### RECORD EXCERPTS
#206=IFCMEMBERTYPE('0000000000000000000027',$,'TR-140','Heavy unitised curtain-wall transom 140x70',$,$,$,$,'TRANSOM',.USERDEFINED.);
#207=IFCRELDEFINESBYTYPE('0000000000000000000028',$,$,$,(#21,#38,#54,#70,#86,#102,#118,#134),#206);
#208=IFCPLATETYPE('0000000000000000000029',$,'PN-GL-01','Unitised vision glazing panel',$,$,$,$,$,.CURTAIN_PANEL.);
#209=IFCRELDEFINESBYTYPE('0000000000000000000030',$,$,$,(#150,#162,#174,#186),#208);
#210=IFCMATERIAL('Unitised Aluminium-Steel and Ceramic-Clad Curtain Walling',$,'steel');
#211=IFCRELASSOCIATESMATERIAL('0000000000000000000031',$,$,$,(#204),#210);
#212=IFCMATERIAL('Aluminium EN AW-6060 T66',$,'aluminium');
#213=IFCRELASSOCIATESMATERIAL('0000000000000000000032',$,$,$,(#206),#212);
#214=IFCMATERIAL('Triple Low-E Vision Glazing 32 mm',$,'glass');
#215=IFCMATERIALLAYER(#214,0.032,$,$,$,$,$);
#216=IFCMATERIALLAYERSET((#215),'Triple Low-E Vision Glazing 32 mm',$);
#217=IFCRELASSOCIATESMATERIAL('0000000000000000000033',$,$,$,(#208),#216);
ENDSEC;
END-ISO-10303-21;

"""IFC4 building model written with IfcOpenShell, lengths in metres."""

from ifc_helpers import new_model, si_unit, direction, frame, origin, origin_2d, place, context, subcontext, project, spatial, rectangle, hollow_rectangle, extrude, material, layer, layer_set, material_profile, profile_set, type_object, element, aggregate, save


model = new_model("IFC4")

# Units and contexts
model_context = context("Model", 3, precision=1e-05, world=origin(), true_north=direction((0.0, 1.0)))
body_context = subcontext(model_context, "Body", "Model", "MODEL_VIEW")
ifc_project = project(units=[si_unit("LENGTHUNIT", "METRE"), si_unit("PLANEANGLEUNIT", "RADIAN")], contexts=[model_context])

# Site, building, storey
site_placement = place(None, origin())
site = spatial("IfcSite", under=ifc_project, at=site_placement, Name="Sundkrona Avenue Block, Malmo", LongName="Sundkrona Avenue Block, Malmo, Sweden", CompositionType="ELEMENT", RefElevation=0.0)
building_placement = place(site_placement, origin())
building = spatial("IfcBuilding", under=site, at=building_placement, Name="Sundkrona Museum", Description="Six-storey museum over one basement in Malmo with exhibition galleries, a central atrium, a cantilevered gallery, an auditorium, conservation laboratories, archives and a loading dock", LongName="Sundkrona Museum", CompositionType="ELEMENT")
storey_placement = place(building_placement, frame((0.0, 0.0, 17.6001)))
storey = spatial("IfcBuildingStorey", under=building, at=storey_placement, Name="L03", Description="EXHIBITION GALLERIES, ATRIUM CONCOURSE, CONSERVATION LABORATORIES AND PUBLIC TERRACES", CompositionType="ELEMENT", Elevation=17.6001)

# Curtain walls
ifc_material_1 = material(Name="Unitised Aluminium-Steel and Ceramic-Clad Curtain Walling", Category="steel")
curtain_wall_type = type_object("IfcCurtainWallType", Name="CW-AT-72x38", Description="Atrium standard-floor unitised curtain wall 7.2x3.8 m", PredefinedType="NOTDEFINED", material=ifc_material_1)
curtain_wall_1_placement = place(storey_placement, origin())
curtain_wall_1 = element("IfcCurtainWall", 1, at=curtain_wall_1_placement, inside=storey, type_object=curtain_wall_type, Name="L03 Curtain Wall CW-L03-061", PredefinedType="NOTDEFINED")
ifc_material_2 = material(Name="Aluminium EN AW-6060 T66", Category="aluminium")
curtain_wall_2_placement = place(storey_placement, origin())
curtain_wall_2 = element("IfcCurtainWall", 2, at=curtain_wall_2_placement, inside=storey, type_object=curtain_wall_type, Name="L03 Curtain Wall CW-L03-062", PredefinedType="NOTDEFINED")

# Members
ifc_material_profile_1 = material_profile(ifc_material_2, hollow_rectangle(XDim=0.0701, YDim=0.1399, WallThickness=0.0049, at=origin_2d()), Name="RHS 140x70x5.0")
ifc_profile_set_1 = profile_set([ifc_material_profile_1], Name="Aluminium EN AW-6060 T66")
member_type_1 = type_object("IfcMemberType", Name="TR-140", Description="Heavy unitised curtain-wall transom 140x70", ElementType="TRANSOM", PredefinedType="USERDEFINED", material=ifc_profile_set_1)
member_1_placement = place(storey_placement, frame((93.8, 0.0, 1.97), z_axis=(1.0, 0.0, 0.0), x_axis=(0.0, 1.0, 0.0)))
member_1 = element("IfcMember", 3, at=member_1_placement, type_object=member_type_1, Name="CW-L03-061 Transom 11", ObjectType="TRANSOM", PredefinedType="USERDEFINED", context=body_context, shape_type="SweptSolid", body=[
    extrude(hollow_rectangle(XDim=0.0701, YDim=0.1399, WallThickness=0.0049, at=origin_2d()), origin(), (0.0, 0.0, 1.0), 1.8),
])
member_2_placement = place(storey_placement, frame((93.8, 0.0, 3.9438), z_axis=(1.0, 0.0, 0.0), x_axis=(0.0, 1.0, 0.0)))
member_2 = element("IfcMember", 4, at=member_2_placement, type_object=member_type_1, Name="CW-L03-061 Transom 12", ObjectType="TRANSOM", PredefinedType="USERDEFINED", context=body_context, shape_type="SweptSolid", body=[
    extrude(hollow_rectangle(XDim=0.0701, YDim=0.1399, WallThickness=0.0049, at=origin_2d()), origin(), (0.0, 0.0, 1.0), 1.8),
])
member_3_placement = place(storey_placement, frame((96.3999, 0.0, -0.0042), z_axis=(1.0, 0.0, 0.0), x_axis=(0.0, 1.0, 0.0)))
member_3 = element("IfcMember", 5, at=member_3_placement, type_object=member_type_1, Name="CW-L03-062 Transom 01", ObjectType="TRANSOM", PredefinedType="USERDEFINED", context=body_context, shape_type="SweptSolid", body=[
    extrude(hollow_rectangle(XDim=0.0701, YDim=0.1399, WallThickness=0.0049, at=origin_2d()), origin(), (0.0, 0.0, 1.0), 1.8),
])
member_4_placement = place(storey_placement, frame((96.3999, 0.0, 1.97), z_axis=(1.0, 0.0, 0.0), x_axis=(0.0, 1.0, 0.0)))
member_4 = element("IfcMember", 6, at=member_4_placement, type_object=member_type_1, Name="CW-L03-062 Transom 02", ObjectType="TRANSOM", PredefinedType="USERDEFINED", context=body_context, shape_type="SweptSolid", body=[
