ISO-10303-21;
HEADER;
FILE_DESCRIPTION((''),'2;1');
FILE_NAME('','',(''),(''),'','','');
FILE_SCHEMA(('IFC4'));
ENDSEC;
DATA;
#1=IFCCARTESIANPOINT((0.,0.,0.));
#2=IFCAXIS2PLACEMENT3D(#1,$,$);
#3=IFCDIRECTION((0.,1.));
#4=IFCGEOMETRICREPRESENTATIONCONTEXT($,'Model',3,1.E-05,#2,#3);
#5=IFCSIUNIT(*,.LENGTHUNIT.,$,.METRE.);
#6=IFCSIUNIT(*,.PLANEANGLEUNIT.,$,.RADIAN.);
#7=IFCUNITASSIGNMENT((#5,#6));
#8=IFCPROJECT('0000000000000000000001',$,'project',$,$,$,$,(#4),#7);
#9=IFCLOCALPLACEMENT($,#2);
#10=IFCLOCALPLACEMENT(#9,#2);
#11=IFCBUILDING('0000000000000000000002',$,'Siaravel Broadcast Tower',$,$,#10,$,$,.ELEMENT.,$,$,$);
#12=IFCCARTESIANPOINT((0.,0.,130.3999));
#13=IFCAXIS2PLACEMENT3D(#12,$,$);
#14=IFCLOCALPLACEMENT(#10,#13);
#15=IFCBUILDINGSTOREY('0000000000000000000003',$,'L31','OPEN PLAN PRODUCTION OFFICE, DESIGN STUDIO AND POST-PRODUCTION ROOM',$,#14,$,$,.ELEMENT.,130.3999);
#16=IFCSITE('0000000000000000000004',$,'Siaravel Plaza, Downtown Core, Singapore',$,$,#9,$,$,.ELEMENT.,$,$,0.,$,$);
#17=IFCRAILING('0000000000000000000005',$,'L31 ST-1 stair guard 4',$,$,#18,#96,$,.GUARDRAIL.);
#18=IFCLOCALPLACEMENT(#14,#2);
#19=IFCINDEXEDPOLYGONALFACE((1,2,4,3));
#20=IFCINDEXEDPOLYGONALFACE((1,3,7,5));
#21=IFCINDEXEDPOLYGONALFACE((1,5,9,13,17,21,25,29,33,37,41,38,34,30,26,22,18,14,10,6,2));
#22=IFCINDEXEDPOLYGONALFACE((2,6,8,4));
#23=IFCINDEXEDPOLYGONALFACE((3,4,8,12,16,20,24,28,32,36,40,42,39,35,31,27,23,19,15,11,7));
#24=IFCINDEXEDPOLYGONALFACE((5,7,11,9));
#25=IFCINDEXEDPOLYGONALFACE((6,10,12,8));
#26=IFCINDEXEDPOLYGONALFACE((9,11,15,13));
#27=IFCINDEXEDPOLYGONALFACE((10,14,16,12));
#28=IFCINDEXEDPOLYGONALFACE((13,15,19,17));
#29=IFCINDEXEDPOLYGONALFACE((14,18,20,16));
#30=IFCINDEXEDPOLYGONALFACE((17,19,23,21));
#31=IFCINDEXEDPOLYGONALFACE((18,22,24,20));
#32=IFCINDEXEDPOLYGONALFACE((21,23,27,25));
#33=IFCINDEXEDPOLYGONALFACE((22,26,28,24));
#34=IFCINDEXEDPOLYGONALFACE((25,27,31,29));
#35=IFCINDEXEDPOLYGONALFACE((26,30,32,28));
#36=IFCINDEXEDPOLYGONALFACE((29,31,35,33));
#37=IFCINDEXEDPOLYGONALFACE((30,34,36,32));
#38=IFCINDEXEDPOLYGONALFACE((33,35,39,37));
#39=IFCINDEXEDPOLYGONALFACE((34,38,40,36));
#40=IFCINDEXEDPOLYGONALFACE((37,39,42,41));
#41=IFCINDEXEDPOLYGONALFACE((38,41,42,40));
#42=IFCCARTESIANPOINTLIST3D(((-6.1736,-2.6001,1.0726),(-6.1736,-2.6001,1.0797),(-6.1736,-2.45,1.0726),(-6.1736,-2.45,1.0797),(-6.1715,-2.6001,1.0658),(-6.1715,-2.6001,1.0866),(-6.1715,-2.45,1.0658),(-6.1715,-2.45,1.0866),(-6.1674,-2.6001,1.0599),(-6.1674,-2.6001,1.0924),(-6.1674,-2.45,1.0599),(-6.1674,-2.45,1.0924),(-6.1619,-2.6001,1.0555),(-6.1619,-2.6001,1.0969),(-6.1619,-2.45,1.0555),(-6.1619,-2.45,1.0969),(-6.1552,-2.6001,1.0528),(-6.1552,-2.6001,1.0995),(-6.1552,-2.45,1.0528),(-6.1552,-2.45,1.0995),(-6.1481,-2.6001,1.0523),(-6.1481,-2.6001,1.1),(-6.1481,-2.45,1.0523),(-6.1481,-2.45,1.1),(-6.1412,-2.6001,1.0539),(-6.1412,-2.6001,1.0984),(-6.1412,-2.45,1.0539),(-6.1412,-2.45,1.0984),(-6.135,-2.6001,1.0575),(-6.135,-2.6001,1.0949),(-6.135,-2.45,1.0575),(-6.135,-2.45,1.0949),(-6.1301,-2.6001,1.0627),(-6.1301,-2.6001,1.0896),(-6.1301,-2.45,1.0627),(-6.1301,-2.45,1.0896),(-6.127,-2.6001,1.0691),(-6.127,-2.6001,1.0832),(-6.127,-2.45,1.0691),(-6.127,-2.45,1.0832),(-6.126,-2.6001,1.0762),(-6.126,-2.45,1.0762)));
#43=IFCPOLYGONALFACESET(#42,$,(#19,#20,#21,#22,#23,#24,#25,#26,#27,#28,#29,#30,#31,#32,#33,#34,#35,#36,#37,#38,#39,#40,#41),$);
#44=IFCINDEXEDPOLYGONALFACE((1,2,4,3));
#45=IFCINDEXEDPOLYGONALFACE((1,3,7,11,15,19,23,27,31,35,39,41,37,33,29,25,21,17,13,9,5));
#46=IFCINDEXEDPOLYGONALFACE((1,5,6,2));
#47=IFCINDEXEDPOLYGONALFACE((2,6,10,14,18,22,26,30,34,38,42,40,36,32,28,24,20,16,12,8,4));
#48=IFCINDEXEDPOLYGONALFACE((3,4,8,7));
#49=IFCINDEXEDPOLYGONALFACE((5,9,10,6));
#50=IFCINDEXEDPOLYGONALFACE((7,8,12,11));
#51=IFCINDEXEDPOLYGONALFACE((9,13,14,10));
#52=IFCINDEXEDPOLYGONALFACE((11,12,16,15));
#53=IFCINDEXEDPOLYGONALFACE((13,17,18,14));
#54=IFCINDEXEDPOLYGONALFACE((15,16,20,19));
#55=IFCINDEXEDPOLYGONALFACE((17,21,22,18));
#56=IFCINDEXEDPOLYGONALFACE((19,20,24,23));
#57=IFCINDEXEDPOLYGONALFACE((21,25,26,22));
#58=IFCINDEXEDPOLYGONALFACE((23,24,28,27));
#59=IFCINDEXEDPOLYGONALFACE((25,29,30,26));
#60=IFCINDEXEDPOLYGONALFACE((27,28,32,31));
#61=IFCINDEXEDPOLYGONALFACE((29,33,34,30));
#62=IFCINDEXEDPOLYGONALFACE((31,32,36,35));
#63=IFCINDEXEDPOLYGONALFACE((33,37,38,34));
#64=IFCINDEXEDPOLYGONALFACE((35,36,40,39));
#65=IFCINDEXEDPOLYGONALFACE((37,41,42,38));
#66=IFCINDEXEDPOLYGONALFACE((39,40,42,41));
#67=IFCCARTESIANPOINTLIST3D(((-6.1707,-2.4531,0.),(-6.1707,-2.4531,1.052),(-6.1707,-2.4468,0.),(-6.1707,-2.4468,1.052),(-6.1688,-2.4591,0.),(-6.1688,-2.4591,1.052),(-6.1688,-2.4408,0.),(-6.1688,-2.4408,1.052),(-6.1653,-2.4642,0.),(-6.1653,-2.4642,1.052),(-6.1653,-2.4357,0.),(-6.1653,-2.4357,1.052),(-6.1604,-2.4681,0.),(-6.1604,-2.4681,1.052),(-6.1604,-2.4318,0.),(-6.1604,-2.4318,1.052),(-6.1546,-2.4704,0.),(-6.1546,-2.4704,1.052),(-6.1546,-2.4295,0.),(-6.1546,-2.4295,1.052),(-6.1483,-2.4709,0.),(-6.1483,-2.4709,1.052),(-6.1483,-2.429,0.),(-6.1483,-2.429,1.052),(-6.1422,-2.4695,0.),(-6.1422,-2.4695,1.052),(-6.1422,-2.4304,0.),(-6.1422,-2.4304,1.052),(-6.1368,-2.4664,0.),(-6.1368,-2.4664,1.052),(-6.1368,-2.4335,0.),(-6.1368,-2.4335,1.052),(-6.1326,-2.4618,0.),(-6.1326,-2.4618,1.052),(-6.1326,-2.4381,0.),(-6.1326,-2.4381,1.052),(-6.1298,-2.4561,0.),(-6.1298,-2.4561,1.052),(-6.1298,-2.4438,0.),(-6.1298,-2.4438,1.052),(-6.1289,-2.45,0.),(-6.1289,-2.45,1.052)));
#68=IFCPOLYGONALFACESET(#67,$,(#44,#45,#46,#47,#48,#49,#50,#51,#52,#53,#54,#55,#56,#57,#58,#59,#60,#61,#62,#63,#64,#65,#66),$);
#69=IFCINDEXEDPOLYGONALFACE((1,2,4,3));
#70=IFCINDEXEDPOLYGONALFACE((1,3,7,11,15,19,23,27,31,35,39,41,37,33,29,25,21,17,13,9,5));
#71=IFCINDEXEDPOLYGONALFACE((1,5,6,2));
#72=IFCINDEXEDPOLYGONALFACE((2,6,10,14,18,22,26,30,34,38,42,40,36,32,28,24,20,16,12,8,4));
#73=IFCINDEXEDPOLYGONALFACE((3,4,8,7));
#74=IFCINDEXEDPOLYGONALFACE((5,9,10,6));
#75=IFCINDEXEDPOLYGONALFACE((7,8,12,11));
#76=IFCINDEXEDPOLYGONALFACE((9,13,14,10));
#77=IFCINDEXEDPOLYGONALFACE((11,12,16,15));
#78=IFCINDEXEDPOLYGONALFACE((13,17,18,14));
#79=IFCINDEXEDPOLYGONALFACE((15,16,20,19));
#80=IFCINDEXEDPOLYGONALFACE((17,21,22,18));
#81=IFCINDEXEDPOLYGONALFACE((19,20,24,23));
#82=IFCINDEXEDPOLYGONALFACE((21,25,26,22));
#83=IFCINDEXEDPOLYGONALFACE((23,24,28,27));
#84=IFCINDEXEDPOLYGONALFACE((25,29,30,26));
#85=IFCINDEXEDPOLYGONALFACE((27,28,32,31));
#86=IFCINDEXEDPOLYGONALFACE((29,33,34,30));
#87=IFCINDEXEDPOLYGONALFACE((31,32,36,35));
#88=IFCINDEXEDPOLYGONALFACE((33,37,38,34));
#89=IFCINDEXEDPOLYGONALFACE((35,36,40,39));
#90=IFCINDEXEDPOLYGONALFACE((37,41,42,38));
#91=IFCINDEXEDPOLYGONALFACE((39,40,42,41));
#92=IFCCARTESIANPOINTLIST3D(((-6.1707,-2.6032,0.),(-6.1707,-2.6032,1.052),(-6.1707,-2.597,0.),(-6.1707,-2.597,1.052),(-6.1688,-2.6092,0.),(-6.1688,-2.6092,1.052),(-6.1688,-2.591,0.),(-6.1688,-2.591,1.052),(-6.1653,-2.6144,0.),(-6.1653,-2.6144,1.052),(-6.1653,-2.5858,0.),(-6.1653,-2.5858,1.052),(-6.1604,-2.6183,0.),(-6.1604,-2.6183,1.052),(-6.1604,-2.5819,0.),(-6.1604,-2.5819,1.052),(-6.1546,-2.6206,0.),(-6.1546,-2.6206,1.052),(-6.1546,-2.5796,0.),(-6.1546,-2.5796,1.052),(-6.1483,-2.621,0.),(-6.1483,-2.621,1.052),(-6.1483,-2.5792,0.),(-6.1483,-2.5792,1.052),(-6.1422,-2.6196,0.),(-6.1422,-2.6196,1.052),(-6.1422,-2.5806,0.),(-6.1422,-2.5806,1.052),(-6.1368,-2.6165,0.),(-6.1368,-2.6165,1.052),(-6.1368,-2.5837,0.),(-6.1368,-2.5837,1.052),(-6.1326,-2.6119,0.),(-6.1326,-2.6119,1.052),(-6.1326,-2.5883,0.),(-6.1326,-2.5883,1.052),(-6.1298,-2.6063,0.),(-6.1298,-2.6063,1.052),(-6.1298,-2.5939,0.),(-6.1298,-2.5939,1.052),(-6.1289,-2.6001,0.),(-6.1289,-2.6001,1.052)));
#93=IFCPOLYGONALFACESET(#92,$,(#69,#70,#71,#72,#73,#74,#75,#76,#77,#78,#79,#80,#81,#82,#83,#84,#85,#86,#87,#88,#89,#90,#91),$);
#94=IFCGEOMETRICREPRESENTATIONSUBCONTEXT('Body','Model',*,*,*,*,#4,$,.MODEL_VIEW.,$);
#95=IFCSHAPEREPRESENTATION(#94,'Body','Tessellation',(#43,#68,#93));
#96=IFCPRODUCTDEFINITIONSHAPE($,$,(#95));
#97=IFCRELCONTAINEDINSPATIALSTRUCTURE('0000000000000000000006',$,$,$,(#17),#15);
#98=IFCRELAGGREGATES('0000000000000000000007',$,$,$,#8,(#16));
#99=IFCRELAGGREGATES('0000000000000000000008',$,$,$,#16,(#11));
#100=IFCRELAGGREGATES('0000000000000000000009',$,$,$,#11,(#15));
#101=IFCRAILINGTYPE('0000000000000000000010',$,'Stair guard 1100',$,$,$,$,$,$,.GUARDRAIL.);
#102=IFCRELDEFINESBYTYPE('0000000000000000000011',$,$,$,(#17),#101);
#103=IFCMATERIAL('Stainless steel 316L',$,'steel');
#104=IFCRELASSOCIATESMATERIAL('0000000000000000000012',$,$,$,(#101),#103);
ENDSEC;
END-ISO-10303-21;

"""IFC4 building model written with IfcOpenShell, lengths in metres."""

from ifc_helpers import new_model, si_unit, direction, frame, origin, origin_2d, place, context, subcontext, project, spatial, circle, extrude, material, type_object, element, save


model = new_model("IFC4")

# Units and contexts
model_context = context("Model", 3, precision=1e-05, world=origin(), true_north=direction((0.0, 1.0)))
body_context = subcontext(model_context, "Body", "Model", "MODEL_VIEW")
ifc_project = project(units=[si_unit("LENGTHUNIT", "METRE"), si_unit("PLANEANGLEUNIT", "RADIAN")], contexts=[model_context])

# Site, building, storey
site_placement = place(None, origin())
site = spatial("IfcSite", under=ifc_project, at=site_placement, Name="Siaravel Plaza, Downtown Core, Singapore", CompositionType="ELEMENT", RefElevation=0.0)
building_placement = place(site_placement, origin())
building = spatial("IfcBuilding", under=site, at=building_placement, Name="Siaravel Broadcast Tower", CompositionType="ELEMENT")
storey_placement = place(building_placement, frame((0.0, 0.0, 130.3999)))
storey = spatial("IfcBuildingStorey", under=building, at=storey_placement, Name="L31", Description="OPEN PLAN PRODUCTION OFFICE, DESIGN STUDIO AND POST-PRODUCTION ROOM", CompositionType="ELEMENT", Elevation=130.3999)

# Railing
ifc_material_1 = material(Name="Stainless steel 316L", Category="steel")
railing_type_1 = type_object("IfcRailingType", Name="Stair guard 1100", PredefinedType="GUARDRAIL", material=ifc_material_1)
railing_1_placement = place(storey_placement, frame((-6.1499, -2.45, 0.0)))
element("IfcRailing", 1, at=railing_1_placement, inside=storey, type_object=railing_type_1, Name="L31 ST-1 stair guard 4", PredefinedType="GUARDRAIL", context=body_context, shape_type="SweptSolid", body=[
    extrude(circle(Radius=0.0239, at=origin_2d()), frame((0.0, 0.0, 1.0762), z_axis=(0.0, -1.0, 0.0), x_axis=(1.0, 0.0, 0.0)), (0.0, 0.0, 1.0), 0.1501),
    extrude(circle(Radius=0.021, at=origin_2d()), origin(), (0.0, 0.0, 1.0), 1.052),
    extrude(circle(Radius=0.021, at=origin_2d()), frame((0.0, -0.1501, 0.0)), (0.0, 0.0, 1.0), 1.052),
])

save(model, "model.ifc")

### ACTIVITY
Return only the lines above that run from the opening line through the line containing "#210=IFCMATERIAL('Unitised Aluminium-Steel and", exactly as written.

### REPLY TO THE TASK
#206=IFCMEMBERTYPE('0000000000000000000027',$,'TR-140','Heavy unitised curtain-wall transom 140x70',$,$,$,$,'TRANSOM',.USERDEFINED.);
#207=IFCRELDEFINESBYTYPE('0000000000000000000028',$,$,$,(#21,#38,#54,#70,#86,#102,#118,#134),#206);
#208=IFCPLATETYPE('0000000000000000000029',$,'PN-GL-01','Unitised vision glazing panel',$,$,$,$,$,.CURTAIN_PANEL.);
#209=IFCRELDEFINESBYTYPE('0000000000000000000030',$,$,$,(#150,#162,#174,#186),#208);
#210=IFCMATERIAL('Unitised Aluminium-Steel and Ceramic-Clad Curtain Walling',$,'steel');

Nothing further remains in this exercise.